> **What you will do**: Count the lines in the records below that contain the word "subcontext", and give only that count.

> **Records for the exercise**:
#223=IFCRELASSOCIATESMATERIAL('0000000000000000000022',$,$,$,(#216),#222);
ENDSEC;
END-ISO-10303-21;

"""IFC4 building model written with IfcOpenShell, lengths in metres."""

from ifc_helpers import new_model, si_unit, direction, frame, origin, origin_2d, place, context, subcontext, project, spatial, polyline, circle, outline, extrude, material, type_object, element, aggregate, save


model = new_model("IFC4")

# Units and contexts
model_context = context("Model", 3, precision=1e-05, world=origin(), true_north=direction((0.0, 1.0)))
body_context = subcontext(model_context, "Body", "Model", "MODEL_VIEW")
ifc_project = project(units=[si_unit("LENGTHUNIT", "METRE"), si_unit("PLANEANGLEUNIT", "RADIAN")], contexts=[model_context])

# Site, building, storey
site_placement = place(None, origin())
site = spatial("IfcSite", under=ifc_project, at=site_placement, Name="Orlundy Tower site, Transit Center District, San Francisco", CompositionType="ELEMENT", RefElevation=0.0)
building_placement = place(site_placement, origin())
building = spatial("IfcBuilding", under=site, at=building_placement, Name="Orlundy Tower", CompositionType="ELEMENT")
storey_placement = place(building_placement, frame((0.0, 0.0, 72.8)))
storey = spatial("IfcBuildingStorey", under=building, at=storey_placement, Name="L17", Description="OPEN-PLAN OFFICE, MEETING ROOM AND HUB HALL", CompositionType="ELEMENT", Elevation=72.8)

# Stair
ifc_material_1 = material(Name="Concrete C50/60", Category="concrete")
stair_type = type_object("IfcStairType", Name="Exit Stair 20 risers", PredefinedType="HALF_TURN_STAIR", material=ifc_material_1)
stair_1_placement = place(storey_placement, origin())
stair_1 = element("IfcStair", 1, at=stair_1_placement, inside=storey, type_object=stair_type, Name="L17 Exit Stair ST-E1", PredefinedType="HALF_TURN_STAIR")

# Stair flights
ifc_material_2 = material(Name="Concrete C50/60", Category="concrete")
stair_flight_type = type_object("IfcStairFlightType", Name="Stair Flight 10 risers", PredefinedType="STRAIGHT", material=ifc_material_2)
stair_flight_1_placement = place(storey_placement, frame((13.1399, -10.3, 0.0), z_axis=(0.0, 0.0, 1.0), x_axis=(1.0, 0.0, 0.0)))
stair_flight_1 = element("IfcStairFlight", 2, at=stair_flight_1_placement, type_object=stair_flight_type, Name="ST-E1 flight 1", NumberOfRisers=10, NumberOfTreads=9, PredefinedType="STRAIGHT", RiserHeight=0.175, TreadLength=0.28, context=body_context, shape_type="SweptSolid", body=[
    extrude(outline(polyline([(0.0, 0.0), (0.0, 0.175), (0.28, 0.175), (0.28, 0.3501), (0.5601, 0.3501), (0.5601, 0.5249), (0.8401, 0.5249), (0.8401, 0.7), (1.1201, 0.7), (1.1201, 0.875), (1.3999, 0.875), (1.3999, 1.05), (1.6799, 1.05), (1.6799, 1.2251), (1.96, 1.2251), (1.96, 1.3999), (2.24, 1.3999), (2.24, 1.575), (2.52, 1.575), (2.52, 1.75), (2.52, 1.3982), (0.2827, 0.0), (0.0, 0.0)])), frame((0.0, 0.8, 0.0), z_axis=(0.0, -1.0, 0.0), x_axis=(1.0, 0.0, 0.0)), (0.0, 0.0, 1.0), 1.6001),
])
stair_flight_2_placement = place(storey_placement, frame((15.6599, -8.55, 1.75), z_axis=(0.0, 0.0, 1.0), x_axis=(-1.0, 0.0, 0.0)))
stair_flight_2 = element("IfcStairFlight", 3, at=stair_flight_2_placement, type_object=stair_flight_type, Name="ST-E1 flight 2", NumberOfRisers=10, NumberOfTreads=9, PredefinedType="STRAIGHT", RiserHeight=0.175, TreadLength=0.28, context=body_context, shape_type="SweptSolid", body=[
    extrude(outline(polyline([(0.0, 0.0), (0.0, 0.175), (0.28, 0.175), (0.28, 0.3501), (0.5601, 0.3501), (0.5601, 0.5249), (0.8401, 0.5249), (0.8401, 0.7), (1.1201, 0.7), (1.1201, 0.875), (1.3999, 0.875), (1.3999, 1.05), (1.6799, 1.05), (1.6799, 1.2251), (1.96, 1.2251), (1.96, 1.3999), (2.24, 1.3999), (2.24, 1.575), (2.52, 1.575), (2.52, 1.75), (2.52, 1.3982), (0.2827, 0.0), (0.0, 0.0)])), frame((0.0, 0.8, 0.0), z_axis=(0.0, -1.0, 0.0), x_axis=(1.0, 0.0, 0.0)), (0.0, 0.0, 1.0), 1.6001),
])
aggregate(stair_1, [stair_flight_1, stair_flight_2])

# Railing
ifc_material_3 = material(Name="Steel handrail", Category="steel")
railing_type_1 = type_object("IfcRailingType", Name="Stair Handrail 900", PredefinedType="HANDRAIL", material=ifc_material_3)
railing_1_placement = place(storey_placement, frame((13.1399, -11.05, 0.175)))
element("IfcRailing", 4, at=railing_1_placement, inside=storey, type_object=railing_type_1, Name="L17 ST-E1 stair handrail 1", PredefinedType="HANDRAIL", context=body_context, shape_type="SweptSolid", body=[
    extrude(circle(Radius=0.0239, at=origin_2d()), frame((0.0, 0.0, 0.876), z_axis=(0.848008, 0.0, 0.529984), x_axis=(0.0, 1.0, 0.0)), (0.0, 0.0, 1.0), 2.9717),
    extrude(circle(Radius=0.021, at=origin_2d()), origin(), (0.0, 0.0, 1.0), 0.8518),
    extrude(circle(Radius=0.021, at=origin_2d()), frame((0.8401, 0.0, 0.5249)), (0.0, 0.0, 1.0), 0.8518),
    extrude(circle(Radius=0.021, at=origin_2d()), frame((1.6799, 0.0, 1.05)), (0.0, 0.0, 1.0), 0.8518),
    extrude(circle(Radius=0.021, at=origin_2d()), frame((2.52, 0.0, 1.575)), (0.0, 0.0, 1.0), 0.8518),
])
...
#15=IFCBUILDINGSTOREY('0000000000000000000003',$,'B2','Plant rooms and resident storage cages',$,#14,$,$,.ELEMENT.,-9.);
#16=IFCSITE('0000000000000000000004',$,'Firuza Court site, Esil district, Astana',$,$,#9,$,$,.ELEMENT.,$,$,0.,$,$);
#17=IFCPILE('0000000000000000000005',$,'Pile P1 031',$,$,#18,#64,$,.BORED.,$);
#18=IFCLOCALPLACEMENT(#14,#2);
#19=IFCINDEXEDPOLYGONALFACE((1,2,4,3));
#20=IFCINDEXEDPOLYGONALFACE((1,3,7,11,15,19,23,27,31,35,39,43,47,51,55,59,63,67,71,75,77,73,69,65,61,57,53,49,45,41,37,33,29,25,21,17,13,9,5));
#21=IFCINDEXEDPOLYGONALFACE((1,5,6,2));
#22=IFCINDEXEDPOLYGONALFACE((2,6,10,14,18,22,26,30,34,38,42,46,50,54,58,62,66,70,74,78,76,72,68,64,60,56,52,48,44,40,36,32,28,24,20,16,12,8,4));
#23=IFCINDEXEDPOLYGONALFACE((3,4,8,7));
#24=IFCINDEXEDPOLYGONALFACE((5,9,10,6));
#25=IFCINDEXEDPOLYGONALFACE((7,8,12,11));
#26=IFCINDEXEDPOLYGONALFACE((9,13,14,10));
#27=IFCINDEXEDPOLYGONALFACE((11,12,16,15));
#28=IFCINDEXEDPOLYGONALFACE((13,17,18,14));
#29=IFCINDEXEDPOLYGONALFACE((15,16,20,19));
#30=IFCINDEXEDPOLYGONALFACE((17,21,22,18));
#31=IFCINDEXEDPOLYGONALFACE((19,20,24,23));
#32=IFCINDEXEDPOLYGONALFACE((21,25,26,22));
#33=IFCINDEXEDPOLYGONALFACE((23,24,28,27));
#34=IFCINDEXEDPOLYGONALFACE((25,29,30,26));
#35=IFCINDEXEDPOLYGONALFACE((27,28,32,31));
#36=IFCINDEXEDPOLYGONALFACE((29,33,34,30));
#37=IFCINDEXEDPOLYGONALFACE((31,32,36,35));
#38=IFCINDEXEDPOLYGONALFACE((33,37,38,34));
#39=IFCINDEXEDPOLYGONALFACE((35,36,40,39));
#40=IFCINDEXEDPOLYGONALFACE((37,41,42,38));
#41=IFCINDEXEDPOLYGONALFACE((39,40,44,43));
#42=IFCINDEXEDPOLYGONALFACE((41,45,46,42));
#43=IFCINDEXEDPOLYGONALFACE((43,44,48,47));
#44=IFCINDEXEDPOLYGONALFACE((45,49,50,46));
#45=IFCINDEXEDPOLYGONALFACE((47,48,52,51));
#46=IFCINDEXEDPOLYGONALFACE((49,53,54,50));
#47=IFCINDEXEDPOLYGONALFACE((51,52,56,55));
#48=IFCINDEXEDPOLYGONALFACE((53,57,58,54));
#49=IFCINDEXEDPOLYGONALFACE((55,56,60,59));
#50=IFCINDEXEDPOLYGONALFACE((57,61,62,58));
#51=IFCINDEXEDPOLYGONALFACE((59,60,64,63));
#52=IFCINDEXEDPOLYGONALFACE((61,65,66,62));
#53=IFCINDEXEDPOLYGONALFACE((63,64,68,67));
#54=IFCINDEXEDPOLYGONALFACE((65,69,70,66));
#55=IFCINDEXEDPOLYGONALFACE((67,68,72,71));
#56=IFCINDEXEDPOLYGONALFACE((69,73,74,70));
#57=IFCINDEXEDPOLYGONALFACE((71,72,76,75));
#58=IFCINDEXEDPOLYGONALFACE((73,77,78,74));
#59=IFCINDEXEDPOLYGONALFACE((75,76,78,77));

> **Answer box**: 2